*** Block opens ***

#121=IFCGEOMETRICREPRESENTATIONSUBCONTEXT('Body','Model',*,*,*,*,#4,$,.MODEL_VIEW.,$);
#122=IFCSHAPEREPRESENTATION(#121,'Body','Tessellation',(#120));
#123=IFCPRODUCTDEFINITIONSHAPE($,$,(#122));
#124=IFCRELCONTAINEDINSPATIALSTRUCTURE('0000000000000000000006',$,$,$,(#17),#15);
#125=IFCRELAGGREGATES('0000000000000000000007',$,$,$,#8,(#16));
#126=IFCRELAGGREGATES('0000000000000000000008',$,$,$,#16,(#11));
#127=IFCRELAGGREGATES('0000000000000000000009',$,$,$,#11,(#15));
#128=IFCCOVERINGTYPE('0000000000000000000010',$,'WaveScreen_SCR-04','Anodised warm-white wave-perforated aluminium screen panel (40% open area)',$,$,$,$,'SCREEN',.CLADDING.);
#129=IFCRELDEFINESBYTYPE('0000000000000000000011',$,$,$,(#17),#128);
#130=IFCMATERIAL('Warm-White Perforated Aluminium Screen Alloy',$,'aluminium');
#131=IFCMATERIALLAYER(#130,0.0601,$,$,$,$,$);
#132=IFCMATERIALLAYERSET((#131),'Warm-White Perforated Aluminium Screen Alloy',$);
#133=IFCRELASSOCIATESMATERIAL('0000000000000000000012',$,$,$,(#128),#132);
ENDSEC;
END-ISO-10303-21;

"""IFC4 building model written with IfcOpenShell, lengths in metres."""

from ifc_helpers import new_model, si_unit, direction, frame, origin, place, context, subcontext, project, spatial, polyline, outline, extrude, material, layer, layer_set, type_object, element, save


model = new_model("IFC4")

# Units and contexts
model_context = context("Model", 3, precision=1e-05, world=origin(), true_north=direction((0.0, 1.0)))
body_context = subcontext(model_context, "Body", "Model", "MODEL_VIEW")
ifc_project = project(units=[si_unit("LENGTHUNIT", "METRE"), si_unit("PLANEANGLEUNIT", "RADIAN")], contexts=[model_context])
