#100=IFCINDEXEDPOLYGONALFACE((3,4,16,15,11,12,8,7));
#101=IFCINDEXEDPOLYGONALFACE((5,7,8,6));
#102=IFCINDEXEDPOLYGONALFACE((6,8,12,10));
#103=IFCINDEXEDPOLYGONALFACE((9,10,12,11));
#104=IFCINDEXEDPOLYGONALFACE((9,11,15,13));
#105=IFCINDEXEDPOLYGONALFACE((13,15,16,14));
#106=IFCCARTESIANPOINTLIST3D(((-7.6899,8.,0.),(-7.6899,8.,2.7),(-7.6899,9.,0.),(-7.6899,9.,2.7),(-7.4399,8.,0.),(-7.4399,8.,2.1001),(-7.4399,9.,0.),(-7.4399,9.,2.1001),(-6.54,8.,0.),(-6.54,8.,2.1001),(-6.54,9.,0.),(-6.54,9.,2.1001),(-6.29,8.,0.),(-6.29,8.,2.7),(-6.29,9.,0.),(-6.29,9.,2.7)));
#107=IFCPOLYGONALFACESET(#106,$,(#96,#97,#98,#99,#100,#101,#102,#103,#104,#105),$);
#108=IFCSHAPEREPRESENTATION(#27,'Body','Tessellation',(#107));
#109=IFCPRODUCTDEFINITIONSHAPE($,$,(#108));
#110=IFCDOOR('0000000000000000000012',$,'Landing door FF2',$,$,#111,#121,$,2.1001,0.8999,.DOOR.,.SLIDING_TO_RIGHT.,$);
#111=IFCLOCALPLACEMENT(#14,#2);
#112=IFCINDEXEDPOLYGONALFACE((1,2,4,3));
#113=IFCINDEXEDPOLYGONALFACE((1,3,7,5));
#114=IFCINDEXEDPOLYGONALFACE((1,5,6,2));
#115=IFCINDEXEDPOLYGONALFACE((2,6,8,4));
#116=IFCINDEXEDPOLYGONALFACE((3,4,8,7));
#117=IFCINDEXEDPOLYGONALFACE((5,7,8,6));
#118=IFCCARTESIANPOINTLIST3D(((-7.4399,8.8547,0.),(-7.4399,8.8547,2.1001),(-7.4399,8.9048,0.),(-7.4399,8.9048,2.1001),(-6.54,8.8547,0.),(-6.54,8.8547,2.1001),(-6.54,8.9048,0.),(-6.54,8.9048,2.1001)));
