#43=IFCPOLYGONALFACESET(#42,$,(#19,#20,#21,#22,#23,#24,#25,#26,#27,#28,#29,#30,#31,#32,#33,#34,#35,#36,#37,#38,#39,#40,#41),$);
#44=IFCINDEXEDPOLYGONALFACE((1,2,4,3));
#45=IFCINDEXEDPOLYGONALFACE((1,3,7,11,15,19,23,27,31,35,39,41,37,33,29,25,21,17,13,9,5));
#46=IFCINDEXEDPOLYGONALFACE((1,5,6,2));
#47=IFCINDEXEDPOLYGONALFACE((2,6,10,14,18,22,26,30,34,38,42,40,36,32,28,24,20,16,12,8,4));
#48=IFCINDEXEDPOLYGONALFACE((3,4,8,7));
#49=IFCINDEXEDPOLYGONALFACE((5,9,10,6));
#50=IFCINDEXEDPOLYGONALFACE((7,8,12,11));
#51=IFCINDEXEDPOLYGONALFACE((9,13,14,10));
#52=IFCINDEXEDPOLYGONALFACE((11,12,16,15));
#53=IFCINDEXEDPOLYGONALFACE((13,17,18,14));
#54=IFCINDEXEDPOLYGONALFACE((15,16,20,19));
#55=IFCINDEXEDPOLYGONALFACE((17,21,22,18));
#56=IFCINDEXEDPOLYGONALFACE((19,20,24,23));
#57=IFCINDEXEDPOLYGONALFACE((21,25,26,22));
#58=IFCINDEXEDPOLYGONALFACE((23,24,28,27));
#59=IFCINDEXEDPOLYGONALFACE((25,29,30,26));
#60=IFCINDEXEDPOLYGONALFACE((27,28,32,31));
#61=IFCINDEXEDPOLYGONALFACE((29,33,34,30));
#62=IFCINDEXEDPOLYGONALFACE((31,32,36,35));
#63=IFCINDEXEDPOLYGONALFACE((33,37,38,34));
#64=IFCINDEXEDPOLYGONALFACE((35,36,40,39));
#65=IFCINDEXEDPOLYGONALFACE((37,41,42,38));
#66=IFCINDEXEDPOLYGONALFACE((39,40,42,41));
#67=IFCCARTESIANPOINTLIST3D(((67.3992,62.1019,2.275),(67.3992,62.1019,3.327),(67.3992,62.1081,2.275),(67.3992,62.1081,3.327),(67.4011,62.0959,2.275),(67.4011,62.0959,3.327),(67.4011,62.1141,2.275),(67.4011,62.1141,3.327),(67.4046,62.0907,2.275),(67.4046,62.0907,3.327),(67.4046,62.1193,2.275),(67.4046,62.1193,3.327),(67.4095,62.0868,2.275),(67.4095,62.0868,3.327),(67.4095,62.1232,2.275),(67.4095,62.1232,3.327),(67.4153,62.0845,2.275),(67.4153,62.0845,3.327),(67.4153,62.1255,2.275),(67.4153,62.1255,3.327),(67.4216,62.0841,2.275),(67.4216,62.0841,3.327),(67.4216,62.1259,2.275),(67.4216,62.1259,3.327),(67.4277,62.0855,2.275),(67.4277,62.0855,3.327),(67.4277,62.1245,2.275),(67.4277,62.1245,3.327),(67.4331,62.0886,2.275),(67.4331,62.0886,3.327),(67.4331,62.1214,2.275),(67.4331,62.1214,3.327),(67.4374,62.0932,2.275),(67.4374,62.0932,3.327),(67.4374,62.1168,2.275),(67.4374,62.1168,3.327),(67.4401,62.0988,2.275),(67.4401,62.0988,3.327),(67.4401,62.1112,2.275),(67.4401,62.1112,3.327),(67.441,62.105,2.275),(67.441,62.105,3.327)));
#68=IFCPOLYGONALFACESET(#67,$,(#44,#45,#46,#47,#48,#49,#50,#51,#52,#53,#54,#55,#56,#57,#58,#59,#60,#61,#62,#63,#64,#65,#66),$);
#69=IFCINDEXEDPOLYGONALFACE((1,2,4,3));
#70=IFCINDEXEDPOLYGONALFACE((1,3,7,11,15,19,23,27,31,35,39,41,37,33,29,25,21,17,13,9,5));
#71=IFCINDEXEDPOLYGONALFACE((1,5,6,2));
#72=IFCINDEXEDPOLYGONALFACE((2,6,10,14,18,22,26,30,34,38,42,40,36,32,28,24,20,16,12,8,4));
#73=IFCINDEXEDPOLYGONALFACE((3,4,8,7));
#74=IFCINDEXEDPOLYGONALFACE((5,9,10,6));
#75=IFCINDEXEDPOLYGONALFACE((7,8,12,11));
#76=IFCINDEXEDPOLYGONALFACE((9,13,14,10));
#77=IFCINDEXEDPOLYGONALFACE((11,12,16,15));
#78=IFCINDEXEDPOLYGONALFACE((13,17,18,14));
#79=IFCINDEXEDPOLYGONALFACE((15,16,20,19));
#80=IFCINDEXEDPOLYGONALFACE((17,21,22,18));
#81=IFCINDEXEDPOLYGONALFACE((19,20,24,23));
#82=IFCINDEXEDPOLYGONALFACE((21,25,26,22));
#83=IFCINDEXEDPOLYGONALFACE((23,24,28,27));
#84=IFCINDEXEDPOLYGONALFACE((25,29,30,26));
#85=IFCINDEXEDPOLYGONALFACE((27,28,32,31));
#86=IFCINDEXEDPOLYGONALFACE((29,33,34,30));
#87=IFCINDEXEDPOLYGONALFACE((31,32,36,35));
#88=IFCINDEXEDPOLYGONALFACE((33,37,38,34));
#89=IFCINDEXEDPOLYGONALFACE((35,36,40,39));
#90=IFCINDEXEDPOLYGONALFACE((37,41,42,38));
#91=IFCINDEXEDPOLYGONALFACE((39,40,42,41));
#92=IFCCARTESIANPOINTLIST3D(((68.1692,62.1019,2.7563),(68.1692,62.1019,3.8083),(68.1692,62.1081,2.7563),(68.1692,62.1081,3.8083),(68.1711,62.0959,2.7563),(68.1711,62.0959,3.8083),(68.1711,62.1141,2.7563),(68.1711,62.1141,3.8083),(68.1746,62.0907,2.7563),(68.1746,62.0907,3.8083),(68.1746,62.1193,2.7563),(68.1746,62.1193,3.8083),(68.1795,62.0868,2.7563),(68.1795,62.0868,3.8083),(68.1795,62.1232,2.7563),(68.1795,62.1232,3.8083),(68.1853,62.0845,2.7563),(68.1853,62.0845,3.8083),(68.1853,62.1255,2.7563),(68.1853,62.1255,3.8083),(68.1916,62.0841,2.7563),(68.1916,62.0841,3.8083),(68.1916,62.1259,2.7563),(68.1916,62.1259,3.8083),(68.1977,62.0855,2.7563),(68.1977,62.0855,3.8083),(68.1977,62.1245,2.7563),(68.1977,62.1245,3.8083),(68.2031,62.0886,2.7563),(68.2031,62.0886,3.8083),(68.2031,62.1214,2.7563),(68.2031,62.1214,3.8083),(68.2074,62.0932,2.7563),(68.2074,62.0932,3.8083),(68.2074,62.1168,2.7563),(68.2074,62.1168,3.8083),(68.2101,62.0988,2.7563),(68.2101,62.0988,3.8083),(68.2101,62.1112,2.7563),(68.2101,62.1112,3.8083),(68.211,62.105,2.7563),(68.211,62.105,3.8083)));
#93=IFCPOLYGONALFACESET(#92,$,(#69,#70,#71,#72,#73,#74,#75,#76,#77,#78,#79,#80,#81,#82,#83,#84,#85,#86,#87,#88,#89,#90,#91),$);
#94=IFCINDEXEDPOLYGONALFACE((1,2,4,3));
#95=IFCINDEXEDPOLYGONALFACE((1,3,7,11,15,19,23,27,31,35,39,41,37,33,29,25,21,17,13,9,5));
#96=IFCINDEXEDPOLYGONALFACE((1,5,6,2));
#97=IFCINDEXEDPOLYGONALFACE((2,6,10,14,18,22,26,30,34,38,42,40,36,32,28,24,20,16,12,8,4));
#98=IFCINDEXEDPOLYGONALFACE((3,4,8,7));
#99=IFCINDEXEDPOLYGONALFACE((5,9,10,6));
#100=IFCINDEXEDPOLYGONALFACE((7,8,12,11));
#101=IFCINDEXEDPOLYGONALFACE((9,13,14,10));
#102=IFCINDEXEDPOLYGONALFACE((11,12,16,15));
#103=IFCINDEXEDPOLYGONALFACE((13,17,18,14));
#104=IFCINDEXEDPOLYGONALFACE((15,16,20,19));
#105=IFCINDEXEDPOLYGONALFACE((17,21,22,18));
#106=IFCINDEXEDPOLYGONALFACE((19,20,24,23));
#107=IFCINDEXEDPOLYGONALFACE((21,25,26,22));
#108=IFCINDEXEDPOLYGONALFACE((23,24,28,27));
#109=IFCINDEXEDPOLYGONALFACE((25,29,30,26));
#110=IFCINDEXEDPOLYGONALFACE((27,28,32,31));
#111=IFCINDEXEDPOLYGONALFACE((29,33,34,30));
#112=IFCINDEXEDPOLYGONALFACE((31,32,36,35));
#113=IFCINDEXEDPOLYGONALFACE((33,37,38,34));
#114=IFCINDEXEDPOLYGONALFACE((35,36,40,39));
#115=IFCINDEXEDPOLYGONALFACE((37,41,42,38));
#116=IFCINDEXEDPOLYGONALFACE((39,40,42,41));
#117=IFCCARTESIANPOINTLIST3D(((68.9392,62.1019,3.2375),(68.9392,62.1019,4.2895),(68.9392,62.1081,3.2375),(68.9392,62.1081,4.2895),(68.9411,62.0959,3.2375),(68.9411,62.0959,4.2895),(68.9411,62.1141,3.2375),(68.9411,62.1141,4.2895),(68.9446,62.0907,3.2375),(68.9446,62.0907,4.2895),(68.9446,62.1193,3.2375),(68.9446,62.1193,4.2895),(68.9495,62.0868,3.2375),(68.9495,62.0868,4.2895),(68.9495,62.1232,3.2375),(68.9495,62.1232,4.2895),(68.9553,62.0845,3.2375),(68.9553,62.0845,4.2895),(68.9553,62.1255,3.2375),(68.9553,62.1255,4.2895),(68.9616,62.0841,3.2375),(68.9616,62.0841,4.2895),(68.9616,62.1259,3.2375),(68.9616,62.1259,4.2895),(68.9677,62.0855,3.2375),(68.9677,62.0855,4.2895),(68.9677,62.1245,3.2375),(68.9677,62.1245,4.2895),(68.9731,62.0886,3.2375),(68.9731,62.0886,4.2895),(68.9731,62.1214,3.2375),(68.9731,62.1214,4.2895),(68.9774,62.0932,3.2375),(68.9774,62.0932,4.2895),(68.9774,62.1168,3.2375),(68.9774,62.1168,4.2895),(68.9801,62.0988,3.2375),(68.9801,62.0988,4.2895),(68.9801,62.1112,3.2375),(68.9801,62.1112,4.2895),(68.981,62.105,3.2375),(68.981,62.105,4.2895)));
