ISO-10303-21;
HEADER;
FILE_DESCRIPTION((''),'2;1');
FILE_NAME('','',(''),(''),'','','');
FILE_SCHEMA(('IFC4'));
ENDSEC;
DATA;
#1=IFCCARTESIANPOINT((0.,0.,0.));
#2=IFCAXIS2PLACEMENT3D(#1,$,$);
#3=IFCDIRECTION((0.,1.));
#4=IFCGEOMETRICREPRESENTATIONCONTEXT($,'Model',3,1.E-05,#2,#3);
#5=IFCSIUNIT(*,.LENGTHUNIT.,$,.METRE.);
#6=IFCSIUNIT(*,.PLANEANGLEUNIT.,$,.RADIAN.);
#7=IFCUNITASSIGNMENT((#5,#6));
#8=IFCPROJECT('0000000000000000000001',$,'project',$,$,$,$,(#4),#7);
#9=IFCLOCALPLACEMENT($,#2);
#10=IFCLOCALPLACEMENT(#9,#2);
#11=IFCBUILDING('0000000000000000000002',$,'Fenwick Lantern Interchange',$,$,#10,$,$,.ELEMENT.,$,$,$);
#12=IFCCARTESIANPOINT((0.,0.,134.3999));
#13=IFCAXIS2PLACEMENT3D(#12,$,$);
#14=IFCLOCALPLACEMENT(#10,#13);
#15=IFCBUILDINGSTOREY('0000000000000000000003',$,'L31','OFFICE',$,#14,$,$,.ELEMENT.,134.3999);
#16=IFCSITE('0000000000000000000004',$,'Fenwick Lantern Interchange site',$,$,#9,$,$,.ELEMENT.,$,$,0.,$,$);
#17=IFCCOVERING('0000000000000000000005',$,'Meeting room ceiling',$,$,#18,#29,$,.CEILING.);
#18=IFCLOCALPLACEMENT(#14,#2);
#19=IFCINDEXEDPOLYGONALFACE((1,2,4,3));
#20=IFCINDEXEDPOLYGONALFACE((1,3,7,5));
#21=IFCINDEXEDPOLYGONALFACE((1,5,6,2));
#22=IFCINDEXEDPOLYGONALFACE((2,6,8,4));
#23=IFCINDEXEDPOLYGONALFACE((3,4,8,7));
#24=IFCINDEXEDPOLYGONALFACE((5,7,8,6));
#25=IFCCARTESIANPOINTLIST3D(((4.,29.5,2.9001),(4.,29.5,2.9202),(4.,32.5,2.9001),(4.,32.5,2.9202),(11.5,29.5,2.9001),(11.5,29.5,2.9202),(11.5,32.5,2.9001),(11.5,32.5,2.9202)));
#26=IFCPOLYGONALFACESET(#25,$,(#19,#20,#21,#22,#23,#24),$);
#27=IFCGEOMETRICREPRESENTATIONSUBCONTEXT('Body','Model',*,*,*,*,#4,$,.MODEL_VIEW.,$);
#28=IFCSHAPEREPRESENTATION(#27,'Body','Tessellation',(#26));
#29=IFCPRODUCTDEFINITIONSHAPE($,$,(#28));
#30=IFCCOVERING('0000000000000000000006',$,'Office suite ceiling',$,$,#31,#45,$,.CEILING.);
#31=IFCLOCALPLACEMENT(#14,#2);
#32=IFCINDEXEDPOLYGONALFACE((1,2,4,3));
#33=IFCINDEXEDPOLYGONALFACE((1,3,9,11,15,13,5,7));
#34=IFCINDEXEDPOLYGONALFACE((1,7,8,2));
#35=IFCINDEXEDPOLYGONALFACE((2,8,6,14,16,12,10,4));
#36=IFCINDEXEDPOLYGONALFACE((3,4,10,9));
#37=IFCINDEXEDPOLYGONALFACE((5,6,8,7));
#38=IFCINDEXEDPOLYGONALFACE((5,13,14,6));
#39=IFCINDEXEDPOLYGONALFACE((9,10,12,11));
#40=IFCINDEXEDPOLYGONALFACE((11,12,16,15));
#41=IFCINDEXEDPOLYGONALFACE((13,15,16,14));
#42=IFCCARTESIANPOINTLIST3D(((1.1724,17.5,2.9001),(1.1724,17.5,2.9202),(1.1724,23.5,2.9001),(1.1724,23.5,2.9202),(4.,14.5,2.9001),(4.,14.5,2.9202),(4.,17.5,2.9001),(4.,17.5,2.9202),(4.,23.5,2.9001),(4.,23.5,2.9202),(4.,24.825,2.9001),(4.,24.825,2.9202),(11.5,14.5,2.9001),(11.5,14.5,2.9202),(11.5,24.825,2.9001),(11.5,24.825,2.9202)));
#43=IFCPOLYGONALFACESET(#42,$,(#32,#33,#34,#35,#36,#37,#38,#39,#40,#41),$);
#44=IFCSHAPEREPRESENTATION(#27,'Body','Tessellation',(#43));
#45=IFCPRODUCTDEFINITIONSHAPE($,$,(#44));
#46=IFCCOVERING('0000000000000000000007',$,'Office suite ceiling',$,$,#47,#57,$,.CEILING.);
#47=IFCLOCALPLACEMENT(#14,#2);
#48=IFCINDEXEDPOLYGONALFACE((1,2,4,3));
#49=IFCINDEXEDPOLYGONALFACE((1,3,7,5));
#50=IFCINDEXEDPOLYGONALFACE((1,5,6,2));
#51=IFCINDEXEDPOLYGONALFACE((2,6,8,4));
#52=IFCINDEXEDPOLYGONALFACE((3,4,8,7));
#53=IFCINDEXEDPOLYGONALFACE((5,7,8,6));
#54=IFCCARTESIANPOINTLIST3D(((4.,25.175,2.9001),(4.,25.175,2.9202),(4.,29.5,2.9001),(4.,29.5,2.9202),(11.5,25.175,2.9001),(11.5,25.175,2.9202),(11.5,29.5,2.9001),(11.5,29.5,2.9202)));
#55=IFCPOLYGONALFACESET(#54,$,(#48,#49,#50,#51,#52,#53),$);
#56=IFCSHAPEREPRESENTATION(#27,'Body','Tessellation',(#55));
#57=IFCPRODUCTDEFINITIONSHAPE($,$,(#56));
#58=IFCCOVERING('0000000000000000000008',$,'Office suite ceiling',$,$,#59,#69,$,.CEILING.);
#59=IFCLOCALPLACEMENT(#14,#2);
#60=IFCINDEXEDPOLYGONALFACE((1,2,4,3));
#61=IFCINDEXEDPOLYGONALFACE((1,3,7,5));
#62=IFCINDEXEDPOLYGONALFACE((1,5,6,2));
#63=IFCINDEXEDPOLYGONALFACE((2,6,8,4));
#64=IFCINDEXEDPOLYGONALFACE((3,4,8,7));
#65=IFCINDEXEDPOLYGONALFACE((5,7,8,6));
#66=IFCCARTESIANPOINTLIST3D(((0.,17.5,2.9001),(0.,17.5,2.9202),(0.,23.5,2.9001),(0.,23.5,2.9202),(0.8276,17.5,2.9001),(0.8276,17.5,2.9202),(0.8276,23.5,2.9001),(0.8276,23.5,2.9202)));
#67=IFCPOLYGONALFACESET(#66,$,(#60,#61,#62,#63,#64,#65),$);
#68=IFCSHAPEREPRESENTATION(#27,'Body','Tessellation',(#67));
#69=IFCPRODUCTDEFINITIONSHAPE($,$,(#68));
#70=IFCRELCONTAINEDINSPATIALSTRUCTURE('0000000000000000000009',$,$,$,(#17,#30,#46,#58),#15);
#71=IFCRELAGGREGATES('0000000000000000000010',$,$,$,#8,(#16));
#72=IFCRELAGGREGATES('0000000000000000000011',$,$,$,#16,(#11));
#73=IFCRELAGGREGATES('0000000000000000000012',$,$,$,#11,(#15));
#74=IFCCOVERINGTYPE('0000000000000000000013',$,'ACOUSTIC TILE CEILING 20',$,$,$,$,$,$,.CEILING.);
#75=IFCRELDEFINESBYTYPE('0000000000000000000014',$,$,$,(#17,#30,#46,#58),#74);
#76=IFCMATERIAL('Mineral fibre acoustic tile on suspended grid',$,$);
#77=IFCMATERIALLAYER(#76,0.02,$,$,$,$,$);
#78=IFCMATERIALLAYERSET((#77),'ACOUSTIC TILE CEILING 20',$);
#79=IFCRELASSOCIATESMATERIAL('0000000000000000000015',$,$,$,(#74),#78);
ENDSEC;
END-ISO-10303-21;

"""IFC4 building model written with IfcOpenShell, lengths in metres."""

from ifc_helpers import new_model, si_unit, direction, frame, origin, place, context, subcontext, project, spatial, polyline, outline, extrude, material, layer, layer_set, type_object, element, save


model = new_model("IFC4")

# Units and contexts
model_context = context("Model", 3, precision=1e-05, world=origin(), true_north=direction((0.0, 1.0)))
body_context = subcontext(model_context, "Body", "Model", "MODEL_VIEW")
ifc_project = project(units=[si_unit("LENGTHUNIT", "METRE"), si_unit("PLANEANGLEUNIT", "RADIAN")], contexts=[model_context])

# Site, building, storey
site_placement = place(None, origin())
site = spatial("IfcSite", under=ifc_project, at=site_placement, Name="Fenwick Lantern Interchange site", CompositionType="ELEMENT", RefElevation=0.0)
building_placement = place(site_placement, origin())
building = spatial("IfcBuilding", under=site, at=building_placement, Name="Fenwick Lantern Interchange", CompositionType="ELEMENT")
storey_placement = place(building_placement, frame((0.0, 0.0, 134.3999)))
storey = spatial("IfcBuildingStorey", under=building, at=storey_placement, Name="L31", Description="OFFICE", CompositionType="ELEMENT", Elevation=134.3999)

# Coverings
ifc_material = material(Name="Mineral fibre acoustic tile on suspended grid")
ifc_layer = layer(ifc_material, 0.02)
ifc_layer_set = layer_set([ifc_layer], Name="ACOUSTIC TILE CEILING 20")
covering_type = type_object("IfcCoveringType", Name="ACOUSTIC TILE CEILING 20", PredefinedType="CEILING", material=ifc_layer_set)
covering_1_placement = place(storey_placement, frame((0.0, 0.0, 2.9001)))
element("IfcCovering", 1, at=covering_1_placement, inside=storey, type_object=covering_type, Name="Meeting room ceiling", PredefinedType="CEILING", context=body_context, shape_type="SweptSolid", body=[
    extrude(outline(polyline([(4.0, 32.5), (4.0, 29.5), (11.5, 29.5), (11.5, 32.5), (4.0, 32.5)])), origin(), (0.0, 0.0, 1.0), 0.02),
])
covering_2_placement = place(storey_placement, frame((0.0, 0.0, 2.9001)))
element("IfcCovering", 2, at=covering_2_placement, inside=storey, type_object=covering_type, Name="Office suite ceiling", PredefinedType="CEILING", context=body_context, shape_type="SweptSolid", body=[
    extrude(outline(polyline([(4.0, 23.5), (1.1724, 23.5), (1.1724, 17.5), (4.0, 17.5), (4.0, 14.5), (11.5, 14.5), (11.5, 24.825), (4.0, 24.825), (4.0, 23.5)])), origin(), (0.0, 0.0, 1.0), 0.02),
])
covering_3_placement = place(storey_placement, frame((0.0, 0.0, 2.9001)))
element("IfcCovering", 3, at=covering_3_placement, inside=storey, type_object=covering_type, Name="Office suite ceiling", PredefinedType="CEILING", context=body_context, shape_type="SweptSolid", body=[
    extrude(outline(polyline([(4.0, 29.5), (4.0, 25.175), (11.5, 25.175), (11.5, 29.5), (4.0, 29.5)])), origin(), (0.0, 0.0, 1.0), 0.02),
])
covering_4_placement = place(storey_placement, frame((0.0, 0.0, 2.9001)))
element("IfcCovering", 4, at=covering_4_placement, inside=storey, type_object=covering_type, Name="Office suite ceiling", PredefinedType="CEILING", context=body_context, shape_type="SweptSolid", body=[
    extrude(outline(polyline([(0.0, 23.5), (0.0, 17.5), (0.8276, 17.5), (0.8276, 23.5), (0.0, 23.5)])), origin(), (0.0, 0.0, 1.0), 0.02),
])

save(model, "model.ifc")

*** Block closes ***

Problem to work on —
Where the data above reaches the line holding "#72=IFCRELAGGREGATES('0000000000000000000011',$,$,$,#16,(#11));", begin printing, and stop after the line holding "#77=IFCMATERIALLAYER(#76,0.02,$,$,$,$,$);". Each line must be reproduced exactly, with nothing else added.

Exercise output —
#72=IFCRELAGGREGATES('0000000000000000000011',$,$,$,#16,(#11));
#73=IFCRELAGGREGATES('0000000000000000000012',$,$,$,#11,(#15));
#74=IFCCOVERINGTYPE('0000000000000000000013',$,'ACOUSTIC TILE CEILING 20',$,$,$,$,$,$,.CEILING.);
#75=IFCRELDEFINESBYTYPE('0000000000000000000014',$,$,$,(#17,#30,#46,#58),#74);
#76=IFCMATERIAL('Mineral fibre acoustic tile on suspended grid',$,$);
#77=IFCMATERIALLAYER(#76,0.02,$,$,$,$,$);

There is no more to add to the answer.